* _Task description_:
Nothing is needed except the lines below that run from the one with "#105=IFCPRODUCTDEFINITIONSHAPE($,$,(#104));" through the one with "#120=IFCRELAGGREGATES('0000000000000000000014',$,$,$,#16,(#11));", repeated exactly.
======== Records for this exercise ========
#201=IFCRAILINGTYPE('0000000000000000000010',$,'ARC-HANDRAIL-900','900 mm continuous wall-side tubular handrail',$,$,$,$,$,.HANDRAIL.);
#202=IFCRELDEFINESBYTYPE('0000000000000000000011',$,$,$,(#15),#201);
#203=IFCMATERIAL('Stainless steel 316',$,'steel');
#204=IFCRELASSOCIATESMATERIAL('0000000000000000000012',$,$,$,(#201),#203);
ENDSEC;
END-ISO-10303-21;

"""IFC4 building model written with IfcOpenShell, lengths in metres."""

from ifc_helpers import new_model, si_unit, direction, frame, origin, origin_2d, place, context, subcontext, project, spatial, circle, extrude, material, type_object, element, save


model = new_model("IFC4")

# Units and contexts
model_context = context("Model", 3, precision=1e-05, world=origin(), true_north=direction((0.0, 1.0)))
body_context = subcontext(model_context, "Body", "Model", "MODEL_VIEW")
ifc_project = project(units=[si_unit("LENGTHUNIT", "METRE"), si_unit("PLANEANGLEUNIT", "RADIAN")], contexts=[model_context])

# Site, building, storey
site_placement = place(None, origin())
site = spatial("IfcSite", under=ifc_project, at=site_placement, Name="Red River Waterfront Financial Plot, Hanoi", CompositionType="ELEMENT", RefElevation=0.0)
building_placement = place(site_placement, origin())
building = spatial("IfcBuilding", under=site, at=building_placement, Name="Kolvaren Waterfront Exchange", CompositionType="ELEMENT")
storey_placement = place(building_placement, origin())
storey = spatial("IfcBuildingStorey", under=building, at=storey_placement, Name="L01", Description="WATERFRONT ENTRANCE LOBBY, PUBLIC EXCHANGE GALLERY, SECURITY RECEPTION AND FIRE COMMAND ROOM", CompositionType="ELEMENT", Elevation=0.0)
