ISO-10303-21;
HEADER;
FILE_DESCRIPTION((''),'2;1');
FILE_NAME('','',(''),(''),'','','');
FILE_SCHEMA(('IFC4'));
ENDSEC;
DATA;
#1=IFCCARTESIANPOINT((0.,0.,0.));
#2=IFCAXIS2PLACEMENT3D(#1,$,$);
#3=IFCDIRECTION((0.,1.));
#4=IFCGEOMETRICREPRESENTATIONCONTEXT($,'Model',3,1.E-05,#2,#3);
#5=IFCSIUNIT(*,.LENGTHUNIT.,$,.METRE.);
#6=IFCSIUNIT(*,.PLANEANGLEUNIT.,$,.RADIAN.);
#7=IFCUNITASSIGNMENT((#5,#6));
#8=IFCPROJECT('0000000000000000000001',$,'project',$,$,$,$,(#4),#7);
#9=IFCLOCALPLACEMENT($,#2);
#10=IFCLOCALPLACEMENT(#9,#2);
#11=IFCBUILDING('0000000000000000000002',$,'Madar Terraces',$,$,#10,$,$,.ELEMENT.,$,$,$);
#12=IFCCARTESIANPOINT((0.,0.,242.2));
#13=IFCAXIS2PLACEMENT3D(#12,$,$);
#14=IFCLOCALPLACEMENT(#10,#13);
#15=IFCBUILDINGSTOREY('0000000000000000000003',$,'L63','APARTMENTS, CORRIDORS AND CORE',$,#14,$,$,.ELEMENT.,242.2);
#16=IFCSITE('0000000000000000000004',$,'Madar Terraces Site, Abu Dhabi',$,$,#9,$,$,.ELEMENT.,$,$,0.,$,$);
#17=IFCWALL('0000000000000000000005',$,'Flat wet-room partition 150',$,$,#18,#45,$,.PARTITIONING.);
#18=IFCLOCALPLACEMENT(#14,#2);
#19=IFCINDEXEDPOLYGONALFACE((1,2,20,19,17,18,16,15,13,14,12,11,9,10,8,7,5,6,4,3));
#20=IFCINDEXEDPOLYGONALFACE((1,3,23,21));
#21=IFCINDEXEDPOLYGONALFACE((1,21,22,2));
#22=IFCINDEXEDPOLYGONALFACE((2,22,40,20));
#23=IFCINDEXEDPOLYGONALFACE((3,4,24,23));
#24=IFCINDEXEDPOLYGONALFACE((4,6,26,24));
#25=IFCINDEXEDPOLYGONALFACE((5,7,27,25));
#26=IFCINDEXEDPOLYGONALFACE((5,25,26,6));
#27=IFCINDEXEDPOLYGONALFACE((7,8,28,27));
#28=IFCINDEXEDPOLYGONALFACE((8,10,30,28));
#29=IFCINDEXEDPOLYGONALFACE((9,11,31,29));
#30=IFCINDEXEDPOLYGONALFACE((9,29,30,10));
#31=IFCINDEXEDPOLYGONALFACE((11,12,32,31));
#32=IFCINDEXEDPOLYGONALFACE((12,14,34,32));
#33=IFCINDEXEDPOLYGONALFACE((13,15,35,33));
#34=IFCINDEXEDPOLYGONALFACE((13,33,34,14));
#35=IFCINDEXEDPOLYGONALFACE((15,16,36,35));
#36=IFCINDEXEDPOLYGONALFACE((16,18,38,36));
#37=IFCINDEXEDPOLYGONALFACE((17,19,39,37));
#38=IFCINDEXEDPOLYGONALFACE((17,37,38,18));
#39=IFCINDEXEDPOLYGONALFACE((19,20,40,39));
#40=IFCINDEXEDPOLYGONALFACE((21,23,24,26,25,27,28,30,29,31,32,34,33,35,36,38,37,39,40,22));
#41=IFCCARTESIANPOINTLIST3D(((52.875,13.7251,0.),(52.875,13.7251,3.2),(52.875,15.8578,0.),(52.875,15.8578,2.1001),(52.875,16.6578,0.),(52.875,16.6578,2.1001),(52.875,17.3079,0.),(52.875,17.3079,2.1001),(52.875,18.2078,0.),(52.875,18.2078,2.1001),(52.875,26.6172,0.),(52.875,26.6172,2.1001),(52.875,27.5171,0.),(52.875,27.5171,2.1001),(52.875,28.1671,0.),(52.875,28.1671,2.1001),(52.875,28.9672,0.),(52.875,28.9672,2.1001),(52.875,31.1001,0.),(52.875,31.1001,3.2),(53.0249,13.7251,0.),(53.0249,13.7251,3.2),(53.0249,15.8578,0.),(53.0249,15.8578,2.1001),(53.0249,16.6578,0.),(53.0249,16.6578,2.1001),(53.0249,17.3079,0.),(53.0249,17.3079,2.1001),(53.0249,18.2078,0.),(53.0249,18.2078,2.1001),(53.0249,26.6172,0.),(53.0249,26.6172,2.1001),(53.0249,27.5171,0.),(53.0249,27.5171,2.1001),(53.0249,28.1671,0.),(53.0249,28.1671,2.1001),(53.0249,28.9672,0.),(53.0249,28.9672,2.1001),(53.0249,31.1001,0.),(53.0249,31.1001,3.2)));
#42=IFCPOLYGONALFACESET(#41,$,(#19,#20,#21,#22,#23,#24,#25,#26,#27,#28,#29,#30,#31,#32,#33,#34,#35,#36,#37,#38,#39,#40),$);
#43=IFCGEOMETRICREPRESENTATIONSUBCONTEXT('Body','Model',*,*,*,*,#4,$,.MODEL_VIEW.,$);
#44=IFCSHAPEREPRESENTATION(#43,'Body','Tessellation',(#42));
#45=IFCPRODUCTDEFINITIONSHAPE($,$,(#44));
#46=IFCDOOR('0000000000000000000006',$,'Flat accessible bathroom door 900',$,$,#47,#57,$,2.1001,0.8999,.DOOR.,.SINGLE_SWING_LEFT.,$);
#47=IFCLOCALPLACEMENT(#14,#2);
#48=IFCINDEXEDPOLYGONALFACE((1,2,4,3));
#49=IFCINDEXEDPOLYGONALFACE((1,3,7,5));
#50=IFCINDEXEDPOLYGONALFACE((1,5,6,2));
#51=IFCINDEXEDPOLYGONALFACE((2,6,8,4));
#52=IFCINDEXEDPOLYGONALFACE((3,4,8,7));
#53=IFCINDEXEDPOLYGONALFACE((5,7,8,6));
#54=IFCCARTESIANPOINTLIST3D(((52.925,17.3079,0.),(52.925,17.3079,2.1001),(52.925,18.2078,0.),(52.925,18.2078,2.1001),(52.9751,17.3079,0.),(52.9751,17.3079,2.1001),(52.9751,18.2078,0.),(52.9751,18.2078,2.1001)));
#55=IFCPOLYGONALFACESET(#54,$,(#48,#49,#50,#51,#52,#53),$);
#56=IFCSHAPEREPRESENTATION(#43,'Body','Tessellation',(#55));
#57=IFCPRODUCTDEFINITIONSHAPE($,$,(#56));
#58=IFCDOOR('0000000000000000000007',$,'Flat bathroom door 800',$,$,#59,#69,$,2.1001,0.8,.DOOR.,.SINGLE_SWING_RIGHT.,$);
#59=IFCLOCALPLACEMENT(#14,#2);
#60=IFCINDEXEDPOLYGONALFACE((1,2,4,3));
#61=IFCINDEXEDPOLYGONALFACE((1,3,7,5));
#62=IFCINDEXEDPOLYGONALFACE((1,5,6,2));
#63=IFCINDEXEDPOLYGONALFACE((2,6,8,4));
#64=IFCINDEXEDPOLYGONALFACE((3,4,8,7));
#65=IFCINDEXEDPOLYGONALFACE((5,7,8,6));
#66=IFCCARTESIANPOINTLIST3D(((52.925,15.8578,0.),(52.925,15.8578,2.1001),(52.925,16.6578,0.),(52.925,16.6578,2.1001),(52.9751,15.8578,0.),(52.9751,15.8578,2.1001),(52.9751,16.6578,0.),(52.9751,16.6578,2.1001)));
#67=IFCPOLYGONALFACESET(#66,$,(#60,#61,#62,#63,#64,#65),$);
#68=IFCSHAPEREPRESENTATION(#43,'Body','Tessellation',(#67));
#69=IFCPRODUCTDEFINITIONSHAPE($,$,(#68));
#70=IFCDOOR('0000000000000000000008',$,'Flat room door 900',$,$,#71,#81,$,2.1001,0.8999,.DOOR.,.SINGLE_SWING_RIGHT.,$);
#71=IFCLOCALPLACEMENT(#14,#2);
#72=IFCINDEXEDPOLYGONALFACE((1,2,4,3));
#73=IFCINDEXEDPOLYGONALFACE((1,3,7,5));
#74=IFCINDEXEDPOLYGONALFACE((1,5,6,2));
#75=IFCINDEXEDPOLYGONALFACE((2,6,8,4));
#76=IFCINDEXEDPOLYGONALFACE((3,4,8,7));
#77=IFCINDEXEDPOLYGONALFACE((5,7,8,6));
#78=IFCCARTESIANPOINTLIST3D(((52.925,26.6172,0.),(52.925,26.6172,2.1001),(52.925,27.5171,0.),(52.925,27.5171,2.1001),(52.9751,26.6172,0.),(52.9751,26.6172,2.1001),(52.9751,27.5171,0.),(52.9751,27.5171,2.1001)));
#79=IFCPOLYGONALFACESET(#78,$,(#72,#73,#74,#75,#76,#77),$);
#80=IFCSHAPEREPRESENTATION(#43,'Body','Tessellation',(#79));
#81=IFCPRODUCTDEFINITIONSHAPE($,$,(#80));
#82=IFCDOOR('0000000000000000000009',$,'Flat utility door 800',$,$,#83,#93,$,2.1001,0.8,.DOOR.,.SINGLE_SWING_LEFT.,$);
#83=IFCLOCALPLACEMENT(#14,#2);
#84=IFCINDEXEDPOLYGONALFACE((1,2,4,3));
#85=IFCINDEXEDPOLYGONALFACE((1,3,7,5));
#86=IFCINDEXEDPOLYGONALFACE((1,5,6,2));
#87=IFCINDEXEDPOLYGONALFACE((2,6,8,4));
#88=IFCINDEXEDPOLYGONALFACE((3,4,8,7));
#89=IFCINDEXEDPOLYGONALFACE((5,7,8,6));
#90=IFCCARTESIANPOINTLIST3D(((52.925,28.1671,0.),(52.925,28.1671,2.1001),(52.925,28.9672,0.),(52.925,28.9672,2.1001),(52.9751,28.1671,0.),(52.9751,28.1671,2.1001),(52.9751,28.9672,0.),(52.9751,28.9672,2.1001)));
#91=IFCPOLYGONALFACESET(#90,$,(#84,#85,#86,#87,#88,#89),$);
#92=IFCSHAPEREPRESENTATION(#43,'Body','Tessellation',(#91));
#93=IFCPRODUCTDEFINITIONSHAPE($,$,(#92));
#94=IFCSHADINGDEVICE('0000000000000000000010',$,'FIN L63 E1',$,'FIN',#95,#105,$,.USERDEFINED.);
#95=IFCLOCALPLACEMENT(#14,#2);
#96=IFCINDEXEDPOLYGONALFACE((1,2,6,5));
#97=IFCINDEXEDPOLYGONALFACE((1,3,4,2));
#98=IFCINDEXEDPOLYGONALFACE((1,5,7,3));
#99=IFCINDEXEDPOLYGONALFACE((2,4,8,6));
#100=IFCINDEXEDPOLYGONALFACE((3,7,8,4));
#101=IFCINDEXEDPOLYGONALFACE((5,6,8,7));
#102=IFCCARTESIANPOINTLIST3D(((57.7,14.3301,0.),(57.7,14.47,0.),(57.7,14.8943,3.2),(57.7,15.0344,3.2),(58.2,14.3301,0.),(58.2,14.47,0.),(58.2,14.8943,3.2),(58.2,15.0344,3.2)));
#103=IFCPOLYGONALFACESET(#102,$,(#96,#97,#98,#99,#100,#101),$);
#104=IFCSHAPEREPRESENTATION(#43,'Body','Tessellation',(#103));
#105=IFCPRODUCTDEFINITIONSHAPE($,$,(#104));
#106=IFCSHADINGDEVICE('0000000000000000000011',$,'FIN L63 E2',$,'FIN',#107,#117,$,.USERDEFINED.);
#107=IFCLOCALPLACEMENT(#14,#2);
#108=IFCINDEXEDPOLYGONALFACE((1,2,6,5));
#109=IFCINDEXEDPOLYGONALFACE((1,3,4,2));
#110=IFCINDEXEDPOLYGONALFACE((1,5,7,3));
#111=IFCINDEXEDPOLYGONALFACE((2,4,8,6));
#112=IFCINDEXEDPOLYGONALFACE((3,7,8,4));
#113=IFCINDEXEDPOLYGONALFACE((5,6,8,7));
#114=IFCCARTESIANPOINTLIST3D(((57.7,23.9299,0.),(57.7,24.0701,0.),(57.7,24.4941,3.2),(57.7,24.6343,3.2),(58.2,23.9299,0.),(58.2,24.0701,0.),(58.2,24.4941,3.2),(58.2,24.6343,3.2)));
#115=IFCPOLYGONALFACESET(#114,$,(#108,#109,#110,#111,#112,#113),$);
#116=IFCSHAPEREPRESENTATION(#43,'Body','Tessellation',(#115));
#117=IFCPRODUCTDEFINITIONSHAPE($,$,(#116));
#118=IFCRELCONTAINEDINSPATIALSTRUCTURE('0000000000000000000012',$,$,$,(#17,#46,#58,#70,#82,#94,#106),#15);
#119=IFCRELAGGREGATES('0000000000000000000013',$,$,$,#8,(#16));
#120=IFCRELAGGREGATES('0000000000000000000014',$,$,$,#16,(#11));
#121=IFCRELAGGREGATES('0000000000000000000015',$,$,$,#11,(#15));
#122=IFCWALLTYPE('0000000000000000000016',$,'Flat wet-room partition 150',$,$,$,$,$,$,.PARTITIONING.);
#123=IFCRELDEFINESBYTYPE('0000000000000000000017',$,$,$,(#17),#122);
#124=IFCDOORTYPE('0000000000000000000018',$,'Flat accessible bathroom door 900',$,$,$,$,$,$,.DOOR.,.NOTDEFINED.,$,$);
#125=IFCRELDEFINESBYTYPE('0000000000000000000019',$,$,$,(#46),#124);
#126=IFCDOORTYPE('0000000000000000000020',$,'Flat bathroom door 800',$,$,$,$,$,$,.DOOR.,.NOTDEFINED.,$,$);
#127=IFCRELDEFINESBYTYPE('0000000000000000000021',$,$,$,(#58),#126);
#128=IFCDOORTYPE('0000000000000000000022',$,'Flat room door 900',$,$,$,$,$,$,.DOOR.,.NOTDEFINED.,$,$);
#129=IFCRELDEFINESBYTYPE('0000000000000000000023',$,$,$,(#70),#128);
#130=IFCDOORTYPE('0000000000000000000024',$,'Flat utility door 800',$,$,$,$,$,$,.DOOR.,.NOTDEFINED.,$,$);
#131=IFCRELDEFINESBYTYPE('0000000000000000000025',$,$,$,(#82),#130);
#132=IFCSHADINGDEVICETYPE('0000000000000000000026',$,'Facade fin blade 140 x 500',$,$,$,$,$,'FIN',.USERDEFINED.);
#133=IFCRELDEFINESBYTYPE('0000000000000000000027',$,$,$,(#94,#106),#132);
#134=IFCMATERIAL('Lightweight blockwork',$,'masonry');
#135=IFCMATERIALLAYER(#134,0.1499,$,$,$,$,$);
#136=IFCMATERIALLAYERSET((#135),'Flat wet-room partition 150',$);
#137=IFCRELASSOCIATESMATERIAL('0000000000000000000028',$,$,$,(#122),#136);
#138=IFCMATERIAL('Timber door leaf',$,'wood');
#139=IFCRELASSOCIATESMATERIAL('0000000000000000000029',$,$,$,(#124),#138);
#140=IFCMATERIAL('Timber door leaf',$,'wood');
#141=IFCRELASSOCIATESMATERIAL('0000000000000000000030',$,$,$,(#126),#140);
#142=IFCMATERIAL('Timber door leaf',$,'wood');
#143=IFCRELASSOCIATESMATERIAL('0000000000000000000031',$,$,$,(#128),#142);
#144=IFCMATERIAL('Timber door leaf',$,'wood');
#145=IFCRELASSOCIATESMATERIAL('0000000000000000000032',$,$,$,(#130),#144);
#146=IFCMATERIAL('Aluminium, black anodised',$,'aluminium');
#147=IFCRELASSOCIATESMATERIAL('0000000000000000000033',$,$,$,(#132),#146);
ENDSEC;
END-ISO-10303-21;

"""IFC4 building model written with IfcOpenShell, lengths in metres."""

from ifc_helpers import new_model, si_unit, direction, frame, frame_2d, origin, place, context, subcontext, project, spatial, polyline, rectangle, outline, extrude, material, layer, layer_set, type_object, element, fill, save


model = new_model("IFC4")

# Units and contexts
model_context = context("Model", 3, precision=1e-05, world=origin(), true_north=direction((0.0, 1.0)))
body_context = subcontext(model_context, "Body", "Model", "MODEL_VIEW")
ifc_project = project(units=[si_unit("LENGTHUNIT", "METRE"), si_unit("PLANEANGLEUNIT", "RADIAN")], contexts=[model_context])

# Site, building, storey
site_placement = place(None, origin())
site = spatial("IfcSite", under=ifc_project, at=site_placement, Name="Madar Terraces Site, Abu Dhabi", CompositionType="ELEMENT", RefElevation=0.0)
building_placement = place(site_placement, origin())
building = spatial("IfcBuilding", under=site, at=building_placement, Name="Madar Terraces", CompositionType="ELEMENT")
storey_placement = place(building_placement, frame((0.0, 0.0, 242.2)))
storey = spatial("IfcBuildingStorey", under=building, at=storey_placement, Name="L63", Description="APARTMENTS, CORRIDORS AND CORE", CompositionType="ELEMENT", Elevation=242.2)

# Shared definitions
ifc_material_1 = material(Name="Lightweight blockwork", Category="masonry")
ifc_layer_1 = layer(ifc_material_1, 0.1499)
ifc_layer_set_1 = layer_set([ifc_layer_1], Name="Flat wet-room partition 150")
wall_type_1 = type_object("IfcWallType", Name="Flat wet-room partition 150", PredefinedType="PARTITIONING", material=ifc_layer_set_1)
========
* _Output for this exercise_:
#105=IFCPRODUCTDEFINITIONSHAPE($,$,(#104));
#106=IFCSHADINGDEVICE('0000000000000000000011',$,'FIN L63 E2',$,'FIN',#107,#117,$,.USERDEFINED.);
#107=IFCLOCALPLACEMENT(#14,#2);
#108=IFCINDEXEDPOLYGONALFACE((1,2,6,5));
#109=IFCINDEXEDPOLYGONALFACE((1,3,4,2));
#110=IFCINDEXEDPOLYGONALFACE((1,5,7,3));
#111=IFCINDEXEDPOLYGONALFACE((2,4,8,6));
#112=IFCINDEXEDPOLYGONALFACE((3,7,8,4));
#113=IFCINDEXEDPOLYGONALFACE((5,6,8,7));
#114=IFCCARTESIANPOINTLIST3D(((57.7,23.9299,0.),(57.7,24.0701,0.),(57.7,24.4941,3.2),(57.7,24.6343,3.2),(58.2,23.9299,0.),(58.2,24.0701,0.),(58.2,24.4941,3.2),(58.2,24.6343,3.2)));
#115=IFCPOLYGONALFACESET(#114,$,(#108,#109,#110,#111,#112,#113),$);
#116=IFCSHAPEREPRESENTATION(#43,'Body','Tessellation',(#115));
#117=IFCPRODUCTDEFINITIONSHAPE($,$,(#116));
#118=IFCRELCONTAINEDINSPATIALSTRUCTURE('0000000000000000000012',$,$,$,(#17,#46,#58,#70,#82,#94,#106),#15);
#119=IFCRELAGGREGATES('0000000000000000000013',$,$,$,#8,(#16));
#120=IFCRELAGGREGATES('0000000000000000000014',$,$,$,#16,(#11));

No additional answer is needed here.